- _What you are asked to do_
Repeat only the stretch of lines below that runs from the line with "#43=IFCINDEXEDPOLYGONALFACE((5,6,10,9));" through the line with "#47=IFCINDEXEDPOLYGONALFACE((13,15,16,14));", unaltered.

- _Data for processing_
■ ■ ■
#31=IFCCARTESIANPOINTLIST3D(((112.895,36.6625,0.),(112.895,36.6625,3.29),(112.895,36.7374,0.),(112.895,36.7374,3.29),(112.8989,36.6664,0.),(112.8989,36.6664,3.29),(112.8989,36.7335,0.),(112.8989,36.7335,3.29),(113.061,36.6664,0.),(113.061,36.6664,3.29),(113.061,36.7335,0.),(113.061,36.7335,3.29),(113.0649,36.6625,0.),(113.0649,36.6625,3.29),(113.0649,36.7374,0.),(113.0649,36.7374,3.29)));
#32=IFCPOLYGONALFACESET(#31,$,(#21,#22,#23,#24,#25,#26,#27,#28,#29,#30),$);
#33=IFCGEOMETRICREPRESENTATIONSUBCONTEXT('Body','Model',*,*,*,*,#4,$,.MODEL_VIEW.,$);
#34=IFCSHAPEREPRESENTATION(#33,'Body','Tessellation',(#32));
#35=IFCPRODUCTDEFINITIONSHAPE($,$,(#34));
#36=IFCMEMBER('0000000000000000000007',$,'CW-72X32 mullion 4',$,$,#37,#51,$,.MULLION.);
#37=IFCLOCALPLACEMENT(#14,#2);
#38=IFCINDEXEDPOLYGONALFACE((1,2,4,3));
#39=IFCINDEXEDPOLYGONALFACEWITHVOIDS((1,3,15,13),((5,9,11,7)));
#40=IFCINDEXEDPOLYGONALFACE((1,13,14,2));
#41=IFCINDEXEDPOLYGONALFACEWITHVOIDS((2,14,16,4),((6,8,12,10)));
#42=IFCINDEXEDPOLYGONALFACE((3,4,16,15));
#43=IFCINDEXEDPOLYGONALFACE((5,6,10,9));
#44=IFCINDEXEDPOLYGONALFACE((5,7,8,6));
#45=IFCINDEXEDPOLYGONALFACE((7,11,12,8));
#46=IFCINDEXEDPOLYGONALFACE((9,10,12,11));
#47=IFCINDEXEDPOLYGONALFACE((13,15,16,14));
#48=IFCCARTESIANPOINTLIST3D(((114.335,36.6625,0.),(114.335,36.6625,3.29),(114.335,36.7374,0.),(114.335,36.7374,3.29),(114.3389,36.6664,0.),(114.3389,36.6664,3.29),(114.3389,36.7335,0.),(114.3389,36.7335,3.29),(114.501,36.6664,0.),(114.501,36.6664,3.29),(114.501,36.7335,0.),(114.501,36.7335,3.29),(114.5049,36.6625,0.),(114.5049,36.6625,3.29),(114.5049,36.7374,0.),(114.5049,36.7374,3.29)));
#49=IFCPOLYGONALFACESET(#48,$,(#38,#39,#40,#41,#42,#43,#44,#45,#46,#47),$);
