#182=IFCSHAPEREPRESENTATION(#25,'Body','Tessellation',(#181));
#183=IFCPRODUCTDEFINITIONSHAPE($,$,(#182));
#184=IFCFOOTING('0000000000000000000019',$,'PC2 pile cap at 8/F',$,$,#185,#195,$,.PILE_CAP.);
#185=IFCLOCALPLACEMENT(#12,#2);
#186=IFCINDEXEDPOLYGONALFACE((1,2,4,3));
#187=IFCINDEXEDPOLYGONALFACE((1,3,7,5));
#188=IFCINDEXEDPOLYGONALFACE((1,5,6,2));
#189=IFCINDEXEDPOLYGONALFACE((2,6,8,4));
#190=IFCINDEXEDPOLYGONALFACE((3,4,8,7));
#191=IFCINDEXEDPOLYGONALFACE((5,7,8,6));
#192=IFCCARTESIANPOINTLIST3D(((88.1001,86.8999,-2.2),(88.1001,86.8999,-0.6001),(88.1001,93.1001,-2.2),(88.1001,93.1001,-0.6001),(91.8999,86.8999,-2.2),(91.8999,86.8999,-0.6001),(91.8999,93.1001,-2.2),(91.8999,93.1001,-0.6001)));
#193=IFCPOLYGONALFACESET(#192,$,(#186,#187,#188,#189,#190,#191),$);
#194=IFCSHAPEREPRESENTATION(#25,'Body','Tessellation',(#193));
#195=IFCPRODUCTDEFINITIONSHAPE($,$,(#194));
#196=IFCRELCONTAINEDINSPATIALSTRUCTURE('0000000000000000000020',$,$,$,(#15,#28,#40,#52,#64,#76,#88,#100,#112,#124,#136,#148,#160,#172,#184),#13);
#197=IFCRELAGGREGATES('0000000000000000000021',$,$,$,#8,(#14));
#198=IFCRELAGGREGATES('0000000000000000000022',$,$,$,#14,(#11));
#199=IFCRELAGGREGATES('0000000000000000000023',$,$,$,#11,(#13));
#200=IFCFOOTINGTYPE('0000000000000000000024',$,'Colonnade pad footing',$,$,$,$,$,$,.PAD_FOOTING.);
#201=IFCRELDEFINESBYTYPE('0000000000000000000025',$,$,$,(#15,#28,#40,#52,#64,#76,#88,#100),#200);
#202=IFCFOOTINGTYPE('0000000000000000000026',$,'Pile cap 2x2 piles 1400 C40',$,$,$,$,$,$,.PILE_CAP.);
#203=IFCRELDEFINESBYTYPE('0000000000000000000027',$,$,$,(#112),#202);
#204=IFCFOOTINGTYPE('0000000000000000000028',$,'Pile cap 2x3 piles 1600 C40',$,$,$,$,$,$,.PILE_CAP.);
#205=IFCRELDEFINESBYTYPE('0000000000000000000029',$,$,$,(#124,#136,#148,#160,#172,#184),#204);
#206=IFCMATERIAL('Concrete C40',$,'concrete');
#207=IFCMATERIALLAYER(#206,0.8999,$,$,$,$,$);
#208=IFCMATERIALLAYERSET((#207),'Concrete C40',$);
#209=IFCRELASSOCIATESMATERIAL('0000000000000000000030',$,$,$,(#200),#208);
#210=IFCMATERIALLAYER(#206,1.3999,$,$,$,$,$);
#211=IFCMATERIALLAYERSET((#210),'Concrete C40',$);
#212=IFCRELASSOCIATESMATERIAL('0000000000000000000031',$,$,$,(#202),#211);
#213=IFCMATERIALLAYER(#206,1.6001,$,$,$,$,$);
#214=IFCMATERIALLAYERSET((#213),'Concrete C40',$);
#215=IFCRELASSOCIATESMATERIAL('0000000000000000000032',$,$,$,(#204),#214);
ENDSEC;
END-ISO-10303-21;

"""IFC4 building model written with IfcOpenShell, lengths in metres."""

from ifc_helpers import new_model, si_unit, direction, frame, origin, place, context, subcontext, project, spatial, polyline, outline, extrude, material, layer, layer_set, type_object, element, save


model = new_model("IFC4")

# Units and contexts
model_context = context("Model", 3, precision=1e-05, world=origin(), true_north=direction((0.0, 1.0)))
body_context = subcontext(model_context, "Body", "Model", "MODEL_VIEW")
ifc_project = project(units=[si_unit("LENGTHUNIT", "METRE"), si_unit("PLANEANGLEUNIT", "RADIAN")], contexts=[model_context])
■ ■ ■
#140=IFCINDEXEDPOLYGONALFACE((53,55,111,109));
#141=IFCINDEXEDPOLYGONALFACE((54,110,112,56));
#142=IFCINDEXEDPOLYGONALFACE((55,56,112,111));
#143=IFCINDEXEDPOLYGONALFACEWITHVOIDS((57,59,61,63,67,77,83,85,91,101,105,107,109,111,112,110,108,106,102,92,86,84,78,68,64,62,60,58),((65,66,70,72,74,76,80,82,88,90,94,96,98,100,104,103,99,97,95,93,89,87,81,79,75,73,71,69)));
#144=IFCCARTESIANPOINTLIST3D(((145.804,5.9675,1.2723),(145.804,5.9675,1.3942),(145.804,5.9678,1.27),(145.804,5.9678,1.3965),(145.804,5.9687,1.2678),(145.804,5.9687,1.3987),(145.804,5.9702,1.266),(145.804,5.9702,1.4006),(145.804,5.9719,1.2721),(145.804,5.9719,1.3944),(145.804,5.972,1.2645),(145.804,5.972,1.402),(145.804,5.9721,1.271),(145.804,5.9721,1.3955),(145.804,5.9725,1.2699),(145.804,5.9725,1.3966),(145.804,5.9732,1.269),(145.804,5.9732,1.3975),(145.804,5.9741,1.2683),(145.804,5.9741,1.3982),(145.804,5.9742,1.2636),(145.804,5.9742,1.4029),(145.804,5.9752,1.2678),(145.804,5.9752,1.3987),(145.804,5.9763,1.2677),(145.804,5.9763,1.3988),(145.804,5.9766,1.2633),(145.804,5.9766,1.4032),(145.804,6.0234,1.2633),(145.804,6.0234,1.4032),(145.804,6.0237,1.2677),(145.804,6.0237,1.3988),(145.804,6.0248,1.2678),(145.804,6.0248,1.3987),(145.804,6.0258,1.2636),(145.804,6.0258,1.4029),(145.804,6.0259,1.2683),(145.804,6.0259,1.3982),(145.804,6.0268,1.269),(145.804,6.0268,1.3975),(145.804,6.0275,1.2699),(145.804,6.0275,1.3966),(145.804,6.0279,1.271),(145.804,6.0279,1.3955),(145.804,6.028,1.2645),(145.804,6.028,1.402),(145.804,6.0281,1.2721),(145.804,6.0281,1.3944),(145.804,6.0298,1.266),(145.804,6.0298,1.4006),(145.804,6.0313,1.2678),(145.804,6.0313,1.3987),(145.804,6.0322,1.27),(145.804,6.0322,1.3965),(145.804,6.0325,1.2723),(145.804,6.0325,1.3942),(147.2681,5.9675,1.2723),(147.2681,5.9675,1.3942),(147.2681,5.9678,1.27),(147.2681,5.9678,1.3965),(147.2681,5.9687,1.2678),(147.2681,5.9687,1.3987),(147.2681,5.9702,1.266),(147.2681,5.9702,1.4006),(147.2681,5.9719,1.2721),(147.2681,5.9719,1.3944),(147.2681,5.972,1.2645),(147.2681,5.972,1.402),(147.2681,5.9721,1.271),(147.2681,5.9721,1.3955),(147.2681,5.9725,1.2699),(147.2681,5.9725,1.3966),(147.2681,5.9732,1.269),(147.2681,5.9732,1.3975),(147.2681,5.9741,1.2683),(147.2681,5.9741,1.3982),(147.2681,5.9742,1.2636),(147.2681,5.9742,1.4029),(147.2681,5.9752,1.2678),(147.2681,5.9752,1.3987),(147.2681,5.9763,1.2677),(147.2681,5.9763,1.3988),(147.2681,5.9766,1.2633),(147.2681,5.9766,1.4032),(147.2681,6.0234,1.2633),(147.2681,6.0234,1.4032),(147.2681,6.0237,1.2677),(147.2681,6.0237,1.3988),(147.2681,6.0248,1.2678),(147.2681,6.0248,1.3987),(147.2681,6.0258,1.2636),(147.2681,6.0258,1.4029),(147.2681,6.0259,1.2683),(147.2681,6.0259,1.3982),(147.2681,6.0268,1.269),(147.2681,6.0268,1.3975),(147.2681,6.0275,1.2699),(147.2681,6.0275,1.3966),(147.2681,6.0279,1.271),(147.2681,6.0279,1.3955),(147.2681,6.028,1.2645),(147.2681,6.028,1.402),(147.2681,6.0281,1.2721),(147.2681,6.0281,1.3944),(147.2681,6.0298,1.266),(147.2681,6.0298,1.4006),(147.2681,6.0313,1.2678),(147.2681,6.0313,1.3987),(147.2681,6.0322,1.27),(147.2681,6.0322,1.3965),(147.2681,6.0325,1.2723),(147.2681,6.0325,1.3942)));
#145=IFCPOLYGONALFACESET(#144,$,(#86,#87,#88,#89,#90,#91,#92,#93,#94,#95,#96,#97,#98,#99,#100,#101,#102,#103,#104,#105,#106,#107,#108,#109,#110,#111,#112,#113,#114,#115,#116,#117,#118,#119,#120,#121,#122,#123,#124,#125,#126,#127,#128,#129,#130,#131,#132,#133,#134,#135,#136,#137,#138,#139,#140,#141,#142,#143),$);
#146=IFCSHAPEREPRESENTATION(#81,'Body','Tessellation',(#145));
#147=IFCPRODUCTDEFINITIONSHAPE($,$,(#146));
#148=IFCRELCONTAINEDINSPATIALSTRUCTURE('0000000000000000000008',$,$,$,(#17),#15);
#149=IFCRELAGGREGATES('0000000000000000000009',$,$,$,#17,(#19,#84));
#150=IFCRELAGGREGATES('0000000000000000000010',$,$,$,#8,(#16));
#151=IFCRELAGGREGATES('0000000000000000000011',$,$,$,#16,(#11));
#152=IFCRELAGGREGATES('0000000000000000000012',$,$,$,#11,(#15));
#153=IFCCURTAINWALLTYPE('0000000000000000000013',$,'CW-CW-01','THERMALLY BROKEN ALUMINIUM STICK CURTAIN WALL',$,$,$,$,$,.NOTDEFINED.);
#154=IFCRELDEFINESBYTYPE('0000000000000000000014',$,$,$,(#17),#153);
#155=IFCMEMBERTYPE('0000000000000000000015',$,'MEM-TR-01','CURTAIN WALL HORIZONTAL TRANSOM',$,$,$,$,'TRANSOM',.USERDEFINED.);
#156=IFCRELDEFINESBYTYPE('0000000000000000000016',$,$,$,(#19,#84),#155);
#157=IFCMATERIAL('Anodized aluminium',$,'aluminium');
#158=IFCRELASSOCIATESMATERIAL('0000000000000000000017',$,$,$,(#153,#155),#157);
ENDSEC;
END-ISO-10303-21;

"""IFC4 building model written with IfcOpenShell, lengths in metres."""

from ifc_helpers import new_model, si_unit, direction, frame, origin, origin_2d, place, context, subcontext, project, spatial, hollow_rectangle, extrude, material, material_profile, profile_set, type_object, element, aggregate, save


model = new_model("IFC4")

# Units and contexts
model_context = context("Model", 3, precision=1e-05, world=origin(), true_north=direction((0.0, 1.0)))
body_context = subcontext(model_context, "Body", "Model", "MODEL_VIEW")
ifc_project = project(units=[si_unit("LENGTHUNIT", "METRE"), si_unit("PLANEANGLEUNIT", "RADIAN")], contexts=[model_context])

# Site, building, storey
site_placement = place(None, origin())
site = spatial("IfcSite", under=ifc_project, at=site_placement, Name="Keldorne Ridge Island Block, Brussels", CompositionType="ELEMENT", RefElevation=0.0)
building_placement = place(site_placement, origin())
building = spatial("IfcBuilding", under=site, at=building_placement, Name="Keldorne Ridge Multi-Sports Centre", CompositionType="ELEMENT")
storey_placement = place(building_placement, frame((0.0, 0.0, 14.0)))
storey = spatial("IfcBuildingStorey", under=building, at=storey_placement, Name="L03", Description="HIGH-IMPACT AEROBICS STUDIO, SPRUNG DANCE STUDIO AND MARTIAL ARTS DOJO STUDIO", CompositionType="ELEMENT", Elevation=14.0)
■ ■ ■
- _Answer space_
#43=IFCINDEXEDPOLYGONALFACE((5,6,10,9));
#44=IFCINDEXEDPOLYGONALFACE((5,7,8,6));
#45=IFCINDEXEDPOLYGONALFACE((7,11,12,8));
#46=IFCINDEXEDPOLYGONALFACE((9,10,12,11));
#47=IFCINDEXEDPOLYGONALFACE((13,15,16,14));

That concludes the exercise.